=== Description of the task ===
Restrict the output to the lines below starting at the one that contains "#141=IFCINDEXEDPOLYGONALFACE((1,3,7,5));" and ending at the one that contains "#151=IFCRELAGGREGATES('0000000000000000000015',$,$,$,#8,(#16));", and restate them word for word, both ends included.
(The records Opens)
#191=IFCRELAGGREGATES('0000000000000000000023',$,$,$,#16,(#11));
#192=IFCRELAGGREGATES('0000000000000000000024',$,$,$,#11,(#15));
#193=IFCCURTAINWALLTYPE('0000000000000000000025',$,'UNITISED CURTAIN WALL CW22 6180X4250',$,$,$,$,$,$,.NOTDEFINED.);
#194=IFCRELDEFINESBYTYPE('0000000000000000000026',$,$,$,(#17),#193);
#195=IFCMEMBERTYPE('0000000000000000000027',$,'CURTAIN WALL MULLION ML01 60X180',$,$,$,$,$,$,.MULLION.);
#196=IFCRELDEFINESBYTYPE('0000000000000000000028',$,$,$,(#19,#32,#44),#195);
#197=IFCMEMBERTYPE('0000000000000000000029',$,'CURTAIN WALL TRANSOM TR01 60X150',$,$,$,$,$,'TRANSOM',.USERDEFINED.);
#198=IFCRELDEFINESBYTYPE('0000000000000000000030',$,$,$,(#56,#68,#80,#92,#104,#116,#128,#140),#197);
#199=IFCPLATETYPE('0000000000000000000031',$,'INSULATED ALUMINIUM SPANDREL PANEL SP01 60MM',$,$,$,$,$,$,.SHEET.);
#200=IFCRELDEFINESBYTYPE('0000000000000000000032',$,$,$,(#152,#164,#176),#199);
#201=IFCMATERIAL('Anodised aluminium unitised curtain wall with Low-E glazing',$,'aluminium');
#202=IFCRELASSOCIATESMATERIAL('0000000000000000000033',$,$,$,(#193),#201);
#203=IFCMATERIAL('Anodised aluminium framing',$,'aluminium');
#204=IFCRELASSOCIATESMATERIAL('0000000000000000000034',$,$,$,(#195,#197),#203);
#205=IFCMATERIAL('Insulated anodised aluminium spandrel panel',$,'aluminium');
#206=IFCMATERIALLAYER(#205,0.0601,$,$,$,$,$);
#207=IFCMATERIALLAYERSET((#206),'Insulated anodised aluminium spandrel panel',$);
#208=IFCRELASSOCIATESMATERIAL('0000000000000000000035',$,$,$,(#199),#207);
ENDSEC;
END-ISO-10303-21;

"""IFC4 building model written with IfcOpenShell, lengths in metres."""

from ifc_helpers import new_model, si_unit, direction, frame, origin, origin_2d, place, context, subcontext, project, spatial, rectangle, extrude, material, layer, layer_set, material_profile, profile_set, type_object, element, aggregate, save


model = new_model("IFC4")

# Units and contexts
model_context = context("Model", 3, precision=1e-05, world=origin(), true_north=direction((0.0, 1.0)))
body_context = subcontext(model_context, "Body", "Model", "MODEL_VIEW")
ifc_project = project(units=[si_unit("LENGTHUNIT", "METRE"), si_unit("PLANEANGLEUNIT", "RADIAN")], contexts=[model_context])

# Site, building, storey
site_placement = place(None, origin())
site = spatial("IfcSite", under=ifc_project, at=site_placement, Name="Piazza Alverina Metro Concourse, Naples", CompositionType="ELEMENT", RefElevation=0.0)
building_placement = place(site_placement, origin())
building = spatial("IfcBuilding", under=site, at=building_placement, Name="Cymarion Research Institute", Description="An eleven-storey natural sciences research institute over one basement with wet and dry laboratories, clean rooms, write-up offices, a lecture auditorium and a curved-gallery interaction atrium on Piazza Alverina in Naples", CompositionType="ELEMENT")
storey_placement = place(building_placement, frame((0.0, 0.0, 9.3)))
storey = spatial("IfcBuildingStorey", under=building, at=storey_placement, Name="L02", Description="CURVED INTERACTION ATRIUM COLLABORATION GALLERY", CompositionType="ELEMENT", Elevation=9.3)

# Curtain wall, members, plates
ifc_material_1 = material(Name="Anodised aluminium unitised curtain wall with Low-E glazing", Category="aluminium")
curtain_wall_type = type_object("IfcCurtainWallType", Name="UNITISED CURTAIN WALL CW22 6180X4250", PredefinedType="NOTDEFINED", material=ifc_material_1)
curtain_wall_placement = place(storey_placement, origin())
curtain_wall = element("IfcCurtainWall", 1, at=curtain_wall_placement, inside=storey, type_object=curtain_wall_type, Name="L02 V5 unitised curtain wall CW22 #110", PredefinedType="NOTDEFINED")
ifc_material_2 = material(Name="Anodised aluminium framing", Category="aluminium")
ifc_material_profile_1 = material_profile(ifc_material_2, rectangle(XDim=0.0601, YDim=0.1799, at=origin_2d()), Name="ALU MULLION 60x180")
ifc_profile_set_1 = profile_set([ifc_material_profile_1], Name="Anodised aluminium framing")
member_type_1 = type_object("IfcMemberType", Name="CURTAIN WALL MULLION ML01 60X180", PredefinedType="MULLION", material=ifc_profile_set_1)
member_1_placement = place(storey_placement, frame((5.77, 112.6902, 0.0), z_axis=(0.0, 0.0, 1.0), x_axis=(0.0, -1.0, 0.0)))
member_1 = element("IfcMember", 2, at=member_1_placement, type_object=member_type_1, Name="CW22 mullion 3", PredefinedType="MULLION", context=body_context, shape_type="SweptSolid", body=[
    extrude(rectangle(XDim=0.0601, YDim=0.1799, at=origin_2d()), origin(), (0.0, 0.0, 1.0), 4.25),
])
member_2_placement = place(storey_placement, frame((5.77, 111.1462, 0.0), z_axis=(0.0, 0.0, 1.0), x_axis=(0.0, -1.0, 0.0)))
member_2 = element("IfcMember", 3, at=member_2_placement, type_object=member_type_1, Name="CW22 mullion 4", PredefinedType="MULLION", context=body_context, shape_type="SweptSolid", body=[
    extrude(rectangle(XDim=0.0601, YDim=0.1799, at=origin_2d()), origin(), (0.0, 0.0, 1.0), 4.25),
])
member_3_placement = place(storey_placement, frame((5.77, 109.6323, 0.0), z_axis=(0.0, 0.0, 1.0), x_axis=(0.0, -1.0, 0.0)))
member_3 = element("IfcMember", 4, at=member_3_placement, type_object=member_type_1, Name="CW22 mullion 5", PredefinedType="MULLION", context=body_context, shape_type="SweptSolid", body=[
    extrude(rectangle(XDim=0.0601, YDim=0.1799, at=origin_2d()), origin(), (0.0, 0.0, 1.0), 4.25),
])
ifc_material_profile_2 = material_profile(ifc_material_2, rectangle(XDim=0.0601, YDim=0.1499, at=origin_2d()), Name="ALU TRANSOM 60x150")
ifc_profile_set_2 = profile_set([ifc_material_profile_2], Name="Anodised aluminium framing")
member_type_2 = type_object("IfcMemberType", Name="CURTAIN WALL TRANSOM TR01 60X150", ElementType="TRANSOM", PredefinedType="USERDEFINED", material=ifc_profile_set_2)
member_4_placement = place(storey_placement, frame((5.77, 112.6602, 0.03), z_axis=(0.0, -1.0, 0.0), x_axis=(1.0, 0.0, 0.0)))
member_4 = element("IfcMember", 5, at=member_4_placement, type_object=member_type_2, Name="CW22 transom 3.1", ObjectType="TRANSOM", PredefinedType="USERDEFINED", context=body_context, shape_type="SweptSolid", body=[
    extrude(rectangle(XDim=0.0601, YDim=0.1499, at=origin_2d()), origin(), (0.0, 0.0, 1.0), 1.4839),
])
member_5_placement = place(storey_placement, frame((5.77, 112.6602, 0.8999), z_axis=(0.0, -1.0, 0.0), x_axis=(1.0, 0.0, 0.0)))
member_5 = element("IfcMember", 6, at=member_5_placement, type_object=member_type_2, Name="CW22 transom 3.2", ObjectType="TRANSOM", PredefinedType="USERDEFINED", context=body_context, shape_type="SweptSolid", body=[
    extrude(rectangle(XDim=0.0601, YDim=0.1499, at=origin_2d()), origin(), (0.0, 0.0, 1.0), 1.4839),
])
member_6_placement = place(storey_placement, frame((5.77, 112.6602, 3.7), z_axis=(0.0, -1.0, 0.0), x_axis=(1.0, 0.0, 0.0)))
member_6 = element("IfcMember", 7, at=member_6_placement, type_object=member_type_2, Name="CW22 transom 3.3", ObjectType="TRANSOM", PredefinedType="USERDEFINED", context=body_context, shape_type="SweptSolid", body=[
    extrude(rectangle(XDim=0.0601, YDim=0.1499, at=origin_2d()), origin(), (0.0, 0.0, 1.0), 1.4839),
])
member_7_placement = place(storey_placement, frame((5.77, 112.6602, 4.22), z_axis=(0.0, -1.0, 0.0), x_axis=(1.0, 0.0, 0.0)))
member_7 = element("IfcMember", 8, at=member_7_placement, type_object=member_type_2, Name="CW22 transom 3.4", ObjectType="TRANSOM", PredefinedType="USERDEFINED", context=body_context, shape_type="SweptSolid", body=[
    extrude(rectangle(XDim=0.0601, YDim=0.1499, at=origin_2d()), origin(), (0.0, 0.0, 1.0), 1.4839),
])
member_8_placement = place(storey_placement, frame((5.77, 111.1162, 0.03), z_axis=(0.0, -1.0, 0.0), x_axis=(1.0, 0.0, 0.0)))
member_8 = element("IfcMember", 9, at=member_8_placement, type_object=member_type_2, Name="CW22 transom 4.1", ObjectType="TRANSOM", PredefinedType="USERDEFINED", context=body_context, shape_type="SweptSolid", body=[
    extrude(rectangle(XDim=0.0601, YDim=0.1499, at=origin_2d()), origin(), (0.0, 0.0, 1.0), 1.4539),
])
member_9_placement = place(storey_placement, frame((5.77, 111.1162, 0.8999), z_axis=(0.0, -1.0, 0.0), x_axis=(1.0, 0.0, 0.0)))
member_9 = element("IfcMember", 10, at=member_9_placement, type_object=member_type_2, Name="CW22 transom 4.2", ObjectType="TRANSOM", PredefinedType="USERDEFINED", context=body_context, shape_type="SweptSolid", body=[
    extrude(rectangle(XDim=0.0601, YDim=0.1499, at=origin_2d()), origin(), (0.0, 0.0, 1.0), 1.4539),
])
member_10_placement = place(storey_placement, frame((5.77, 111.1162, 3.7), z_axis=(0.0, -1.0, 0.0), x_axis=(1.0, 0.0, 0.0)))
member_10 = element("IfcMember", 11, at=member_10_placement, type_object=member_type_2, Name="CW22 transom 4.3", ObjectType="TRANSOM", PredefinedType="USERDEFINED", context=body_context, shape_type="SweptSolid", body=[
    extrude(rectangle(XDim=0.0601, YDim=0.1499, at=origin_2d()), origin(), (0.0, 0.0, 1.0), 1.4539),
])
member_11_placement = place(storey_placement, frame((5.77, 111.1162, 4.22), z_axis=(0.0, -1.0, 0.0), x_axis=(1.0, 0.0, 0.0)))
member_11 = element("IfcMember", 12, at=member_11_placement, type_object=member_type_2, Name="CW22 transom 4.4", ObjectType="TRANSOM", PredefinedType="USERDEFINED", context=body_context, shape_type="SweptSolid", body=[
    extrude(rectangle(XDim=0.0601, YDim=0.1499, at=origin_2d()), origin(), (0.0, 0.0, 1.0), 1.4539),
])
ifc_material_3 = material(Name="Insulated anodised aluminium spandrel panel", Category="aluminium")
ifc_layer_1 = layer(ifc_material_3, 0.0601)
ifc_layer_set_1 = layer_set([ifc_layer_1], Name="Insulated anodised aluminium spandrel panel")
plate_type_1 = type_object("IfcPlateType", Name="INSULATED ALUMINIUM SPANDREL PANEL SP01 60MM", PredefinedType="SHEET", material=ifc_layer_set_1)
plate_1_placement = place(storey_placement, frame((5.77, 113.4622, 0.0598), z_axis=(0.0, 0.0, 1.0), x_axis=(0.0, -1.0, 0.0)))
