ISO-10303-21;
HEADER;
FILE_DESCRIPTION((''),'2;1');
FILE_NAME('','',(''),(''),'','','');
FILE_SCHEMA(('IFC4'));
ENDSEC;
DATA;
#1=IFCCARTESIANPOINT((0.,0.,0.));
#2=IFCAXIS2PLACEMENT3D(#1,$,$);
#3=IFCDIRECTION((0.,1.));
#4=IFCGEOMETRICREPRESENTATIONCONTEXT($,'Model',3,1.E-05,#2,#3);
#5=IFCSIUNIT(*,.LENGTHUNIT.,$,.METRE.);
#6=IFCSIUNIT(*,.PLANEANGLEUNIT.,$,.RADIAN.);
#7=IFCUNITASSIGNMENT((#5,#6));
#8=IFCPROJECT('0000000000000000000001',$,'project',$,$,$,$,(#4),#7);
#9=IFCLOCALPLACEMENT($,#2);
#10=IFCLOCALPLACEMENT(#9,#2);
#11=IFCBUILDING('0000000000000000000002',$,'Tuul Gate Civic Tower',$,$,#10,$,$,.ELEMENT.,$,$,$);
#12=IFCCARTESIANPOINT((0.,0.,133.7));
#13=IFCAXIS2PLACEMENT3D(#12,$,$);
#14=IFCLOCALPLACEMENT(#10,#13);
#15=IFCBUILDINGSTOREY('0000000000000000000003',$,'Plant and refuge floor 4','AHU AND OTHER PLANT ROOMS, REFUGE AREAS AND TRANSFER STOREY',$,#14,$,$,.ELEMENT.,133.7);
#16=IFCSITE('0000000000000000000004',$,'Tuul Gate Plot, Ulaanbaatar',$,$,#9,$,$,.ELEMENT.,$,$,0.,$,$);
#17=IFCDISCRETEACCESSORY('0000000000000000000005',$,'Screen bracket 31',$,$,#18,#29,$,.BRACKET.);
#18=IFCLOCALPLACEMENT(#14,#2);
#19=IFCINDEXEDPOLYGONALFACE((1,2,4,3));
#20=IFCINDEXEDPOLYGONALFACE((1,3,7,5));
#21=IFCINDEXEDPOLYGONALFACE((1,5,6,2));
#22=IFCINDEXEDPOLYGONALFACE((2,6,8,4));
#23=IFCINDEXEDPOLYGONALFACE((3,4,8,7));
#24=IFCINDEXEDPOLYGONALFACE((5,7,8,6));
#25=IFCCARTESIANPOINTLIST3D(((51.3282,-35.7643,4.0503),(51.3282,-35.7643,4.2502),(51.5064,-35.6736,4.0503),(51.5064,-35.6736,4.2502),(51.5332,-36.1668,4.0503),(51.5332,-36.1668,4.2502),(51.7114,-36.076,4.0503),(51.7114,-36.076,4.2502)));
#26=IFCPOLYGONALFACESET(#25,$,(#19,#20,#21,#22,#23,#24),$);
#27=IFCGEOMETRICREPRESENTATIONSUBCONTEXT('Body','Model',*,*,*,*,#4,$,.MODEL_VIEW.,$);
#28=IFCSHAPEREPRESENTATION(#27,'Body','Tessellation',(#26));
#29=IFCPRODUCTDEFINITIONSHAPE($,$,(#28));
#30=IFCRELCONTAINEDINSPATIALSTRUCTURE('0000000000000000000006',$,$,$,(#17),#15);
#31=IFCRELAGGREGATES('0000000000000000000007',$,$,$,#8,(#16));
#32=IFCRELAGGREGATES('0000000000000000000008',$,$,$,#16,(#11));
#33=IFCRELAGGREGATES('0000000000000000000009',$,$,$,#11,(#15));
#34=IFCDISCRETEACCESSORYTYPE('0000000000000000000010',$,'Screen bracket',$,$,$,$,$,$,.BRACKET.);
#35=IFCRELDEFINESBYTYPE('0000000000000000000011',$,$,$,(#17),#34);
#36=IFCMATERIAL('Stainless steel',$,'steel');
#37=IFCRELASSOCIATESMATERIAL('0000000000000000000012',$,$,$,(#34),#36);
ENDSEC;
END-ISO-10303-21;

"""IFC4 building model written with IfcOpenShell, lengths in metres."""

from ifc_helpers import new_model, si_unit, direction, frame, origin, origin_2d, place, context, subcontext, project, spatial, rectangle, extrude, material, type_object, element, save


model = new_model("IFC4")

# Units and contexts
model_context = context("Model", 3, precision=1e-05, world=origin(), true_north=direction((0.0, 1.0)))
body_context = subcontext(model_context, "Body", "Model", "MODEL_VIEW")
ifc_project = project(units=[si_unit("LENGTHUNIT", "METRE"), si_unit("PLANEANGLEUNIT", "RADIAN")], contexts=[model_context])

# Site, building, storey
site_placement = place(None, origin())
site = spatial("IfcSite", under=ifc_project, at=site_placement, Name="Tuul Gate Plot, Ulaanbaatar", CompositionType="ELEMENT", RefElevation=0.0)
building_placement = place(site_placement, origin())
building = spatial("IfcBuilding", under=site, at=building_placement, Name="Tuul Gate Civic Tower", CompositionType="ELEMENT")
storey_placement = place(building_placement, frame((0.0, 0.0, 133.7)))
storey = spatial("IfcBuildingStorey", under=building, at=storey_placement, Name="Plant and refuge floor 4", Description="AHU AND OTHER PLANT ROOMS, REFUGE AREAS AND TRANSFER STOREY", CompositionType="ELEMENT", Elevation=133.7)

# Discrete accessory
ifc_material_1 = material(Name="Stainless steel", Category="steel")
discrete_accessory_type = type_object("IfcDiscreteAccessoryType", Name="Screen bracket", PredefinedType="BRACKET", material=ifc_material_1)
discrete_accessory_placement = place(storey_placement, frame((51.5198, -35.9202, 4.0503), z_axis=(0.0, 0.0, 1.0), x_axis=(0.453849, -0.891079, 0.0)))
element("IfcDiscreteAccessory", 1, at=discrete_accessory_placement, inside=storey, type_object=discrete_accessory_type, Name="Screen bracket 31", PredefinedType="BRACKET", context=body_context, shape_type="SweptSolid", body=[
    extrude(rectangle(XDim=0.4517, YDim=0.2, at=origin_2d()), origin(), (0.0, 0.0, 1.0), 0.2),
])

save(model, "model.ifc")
(The records Closes)
(The records Opens)
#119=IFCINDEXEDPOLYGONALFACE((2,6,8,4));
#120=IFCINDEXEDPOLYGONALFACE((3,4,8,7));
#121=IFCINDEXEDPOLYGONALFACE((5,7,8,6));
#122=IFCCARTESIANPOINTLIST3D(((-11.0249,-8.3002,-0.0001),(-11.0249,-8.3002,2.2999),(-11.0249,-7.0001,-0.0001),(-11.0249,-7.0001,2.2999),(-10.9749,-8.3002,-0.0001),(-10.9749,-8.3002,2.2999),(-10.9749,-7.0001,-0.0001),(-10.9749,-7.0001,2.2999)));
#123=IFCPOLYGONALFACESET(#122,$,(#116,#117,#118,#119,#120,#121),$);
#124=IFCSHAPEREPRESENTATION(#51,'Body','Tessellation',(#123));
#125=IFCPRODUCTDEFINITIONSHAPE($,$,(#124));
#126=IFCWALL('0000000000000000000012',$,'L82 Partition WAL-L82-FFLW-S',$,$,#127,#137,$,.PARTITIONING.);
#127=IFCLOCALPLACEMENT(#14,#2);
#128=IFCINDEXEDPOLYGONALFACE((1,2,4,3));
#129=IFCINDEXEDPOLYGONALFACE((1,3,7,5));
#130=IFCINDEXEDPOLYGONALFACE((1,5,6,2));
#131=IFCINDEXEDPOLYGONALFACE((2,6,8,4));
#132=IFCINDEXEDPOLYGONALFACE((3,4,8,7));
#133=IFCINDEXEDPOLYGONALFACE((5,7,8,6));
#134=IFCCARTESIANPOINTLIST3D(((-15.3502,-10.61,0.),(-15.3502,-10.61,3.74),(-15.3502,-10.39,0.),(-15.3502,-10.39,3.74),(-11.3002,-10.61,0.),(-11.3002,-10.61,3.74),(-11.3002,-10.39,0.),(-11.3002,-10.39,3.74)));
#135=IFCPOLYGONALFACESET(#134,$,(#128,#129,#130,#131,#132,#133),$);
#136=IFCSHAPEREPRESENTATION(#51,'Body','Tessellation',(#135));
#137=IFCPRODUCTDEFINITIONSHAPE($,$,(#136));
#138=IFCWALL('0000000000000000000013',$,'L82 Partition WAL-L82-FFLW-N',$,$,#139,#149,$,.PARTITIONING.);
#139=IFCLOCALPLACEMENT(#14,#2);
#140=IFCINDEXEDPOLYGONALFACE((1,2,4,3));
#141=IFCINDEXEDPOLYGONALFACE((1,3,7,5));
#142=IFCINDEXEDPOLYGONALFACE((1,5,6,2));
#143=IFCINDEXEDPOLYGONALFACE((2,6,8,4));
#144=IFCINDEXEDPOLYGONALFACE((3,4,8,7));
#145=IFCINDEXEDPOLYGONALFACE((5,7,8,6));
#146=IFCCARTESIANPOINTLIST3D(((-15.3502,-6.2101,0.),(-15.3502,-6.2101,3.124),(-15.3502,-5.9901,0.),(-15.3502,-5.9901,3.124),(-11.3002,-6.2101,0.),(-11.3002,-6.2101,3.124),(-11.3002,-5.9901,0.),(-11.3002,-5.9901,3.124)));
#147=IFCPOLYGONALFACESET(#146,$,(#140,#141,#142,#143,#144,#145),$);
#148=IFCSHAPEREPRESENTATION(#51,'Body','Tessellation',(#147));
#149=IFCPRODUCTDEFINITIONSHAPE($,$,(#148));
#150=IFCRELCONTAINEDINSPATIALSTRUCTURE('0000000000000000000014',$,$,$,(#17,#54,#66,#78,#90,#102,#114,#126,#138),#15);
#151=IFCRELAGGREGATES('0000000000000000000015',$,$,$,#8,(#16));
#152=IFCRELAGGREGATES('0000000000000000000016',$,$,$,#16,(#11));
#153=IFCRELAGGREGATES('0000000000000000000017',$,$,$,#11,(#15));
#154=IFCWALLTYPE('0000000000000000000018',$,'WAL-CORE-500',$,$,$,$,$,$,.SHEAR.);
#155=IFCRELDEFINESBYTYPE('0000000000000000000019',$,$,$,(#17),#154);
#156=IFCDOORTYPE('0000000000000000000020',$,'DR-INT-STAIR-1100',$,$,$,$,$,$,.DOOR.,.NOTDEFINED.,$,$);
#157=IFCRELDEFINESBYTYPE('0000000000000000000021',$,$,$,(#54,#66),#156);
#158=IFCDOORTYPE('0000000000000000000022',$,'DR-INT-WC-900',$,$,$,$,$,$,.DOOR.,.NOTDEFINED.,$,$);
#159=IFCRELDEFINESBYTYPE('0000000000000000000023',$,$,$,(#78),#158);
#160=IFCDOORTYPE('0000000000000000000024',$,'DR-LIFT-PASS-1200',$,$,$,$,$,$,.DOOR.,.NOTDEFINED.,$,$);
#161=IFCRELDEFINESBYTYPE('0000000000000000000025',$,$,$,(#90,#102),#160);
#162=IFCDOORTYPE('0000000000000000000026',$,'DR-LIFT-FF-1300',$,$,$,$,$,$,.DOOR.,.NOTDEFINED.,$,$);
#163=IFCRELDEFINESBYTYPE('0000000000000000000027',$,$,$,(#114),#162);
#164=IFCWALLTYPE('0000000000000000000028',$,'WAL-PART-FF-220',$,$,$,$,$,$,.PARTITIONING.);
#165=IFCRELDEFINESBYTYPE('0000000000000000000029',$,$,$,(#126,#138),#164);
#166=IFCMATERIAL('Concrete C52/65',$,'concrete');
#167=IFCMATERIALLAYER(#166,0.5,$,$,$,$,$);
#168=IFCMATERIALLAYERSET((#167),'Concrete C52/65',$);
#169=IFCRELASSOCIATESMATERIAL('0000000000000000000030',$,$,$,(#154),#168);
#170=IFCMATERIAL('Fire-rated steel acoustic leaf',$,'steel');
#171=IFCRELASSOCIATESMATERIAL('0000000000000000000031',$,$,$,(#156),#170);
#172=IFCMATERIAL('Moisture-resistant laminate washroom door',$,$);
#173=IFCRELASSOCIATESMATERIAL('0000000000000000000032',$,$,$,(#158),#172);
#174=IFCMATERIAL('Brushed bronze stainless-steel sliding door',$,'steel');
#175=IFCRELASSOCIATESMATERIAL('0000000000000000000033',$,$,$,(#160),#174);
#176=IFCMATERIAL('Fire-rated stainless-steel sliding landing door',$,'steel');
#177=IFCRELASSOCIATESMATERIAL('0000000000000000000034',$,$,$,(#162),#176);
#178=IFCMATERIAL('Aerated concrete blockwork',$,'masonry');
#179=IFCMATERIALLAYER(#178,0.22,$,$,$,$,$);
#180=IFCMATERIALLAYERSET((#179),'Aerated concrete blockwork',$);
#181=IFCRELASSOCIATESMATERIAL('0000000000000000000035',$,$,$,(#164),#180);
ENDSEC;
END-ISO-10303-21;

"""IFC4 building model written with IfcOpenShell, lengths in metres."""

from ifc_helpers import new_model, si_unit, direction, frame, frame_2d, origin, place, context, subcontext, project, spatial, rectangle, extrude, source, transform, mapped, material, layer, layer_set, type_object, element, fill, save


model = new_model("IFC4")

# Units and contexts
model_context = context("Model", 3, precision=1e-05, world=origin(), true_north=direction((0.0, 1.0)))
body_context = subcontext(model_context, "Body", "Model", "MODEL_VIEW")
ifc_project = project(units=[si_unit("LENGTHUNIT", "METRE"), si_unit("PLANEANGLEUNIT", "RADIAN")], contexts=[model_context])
(The records Closes)
=== Finished task ===
#141=IFCINDEXEDPOLYGONALFACE((1,3,7,5));
#142=IFCINDEXEDPOLYGONALFACE((1,5,6,2));
#143=IFCINDEXEDPOLYGONALFACE((2,6,8,4));
#144=IFCINDEXEDPOLYGONALFACE((3,4,8,7));
#145=IFCINDEXEDPOLYGONALFACE((5,7,8,6));
#146=IFCCARTESIANPOINTLIST3D(((-15.3502,-6.2101,0.),(-15.3502,-6.2101,3.124),(-15.3502,-5.9901,0.),(-15.3502,-5.9901,3.124),(-11.3002,-6.2101,0.),(-11.3002,-6.2101,3.124),(-11.3002,-5.9901,0.),(-11.3002,-5.9901,3.124)));
#147=IFCPOLYGONALFACESET(#146,$,(#140,#141,#142,#143,#144,#145),$);
#148=IFCSHAPEREPRESENTATION(#51,'Body','Tessellation',(#147));
#149=IFCPRODUCTDEFINITIONSHAPE($,$,(#148));
#150=IFCRELCONTAINEDINSPATIALSTRUCTURE('0000000000000000000014',$,$,$,(#17,#54,#66,#78,#90,#102,#114,#126,#138),#15);
#151=IFCRELAGGREGATES('0000000000000000000015',$,$,$,#8,(#16));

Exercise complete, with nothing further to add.